__Task directions__. Your answer should consist of each line from the data below that contains "IFCRELAGGREGATES".
*** Block opens ***
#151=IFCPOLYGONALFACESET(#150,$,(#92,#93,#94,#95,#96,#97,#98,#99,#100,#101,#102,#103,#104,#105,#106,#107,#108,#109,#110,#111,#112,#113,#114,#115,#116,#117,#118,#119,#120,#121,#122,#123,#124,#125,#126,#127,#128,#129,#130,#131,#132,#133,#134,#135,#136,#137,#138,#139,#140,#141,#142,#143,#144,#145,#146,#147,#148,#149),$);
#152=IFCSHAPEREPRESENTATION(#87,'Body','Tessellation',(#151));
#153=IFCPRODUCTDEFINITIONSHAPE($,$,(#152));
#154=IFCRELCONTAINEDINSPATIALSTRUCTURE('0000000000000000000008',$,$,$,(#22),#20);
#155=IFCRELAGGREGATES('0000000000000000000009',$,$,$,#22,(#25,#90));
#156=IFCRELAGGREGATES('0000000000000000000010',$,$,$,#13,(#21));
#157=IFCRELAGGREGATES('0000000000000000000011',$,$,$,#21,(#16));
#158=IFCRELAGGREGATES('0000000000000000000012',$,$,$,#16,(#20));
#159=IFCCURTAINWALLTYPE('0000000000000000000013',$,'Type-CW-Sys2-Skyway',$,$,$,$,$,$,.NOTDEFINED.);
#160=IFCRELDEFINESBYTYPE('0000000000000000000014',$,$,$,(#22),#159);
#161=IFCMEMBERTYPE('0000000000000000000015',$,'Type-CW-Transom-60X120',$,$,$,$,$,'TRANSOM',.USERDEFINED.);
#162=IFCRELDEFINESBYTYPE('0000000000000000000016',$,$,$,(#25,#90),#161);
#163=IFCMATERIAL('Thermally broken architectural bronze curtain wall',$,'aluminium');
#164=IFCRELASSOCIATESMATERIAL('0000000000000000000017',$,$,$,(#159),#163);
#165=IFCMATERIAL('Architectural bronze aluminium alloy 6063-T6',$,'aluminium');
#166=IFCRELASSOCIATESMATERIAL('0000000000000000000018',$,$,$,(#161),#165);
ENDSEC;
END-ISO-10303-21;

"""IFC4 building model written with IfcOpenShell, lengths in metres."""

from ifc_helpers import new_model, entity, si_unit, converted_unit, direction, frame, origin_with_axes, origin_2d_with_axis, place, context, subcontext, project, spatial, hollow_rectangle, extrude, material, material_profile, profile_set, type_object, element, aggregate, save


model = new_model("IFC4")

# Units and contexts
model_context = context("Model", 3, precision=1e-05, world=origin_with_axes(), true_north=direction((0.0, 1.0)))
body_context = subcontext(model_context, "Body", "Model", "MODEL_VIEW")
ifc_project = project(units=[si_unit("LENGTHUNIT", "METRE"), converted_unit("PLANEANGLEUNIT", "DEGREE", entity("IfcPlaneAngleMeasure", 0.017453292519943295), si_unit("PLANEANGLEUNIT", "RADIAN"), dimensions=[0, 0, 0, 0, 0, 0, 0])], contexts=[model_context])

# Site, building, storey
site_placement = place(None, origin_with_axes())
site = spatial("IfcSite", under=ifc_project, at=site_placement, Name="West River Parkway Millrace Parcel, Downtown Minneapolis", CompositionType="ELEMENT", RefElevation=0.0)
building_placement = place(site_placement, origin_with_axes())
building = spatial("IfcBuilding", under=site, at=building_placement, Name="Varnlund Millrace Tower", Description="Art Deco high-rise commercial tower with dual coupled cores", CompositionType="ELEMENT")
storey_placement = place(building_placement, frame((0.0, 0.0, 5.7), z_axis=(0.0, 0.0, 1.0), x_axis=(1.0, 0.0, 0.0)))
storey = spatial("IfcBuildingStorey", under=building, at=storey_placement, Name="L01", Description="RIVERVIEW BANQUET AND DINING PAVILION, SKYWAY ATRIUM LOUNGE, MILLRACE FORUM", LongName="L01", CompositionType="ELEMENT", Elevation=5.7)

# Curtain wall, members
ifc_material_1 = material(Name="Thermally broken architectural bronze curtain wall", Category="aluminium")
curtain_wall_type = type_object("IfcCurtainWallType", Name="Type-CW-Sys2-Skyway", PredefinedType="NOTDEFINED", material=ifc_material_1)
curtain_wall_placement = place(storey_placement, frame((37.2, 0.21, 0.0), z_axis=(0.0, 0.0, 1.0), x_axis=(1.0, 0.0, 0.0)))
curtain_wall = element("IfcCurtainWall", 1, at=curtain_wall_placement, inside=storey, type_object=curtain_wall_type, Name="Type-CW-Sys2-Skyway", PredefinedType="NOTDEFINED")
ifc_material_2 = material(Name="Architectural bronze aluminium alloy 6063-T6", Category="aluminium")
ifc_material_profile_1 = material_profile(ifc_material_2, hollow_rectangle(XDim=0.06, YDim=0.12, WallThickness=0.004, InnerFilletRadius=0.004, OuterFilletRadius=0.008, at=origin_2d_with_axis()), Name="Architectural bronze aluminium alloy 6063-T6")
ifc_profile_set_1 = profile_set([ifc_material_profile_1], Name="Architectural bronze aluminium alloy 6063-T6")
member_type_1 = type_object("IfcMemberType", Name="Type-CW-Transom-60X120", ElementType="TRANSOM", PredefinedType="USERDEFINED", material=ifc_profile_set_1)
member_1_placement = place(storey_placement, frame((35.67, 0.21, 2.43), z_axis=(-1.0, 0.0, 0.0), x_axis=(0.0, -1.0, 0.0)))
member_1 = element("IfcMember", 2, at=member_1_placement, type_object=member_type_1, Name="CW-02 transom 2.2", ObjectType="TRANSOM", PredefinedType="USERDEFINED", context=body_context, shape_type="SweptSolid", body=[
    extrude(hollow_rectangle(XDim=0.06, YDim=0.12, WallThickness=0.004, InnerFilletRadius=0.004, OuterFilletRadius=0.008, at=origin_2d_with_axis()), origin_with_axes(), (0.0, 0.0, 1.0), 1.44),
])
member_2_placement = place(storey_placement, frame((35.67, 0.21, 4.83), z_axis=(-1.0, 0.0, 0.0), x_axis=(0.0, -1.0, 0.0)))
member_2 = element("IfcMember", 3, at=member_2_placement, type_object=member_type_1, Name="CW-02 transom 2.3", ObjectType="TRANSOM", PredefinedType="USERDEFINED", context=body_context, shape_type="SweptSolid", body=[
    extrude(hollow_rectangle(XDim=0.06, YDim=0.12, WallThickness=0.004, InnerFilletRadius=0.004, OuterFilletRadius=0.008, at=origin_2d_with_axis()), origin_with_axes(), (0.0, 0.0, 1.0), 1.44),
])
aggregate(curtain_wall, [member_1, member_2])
*** Block closes ***
__Written answer__.
#155=IFCRELAGGREGATES('0000000000000000000009',$,$,$,#22,(#25,#90));
#156=IFCRELAGGREGATES('0000000000000000000010',$,$,$,#13,(#21));
#157=IFCRELAGGREGATES('0000000000000000000011',$,$,$,#21,(#16));
#158=IFCRELAGGREGATES('0000000000000000000012',$,$,$,#16,(#20));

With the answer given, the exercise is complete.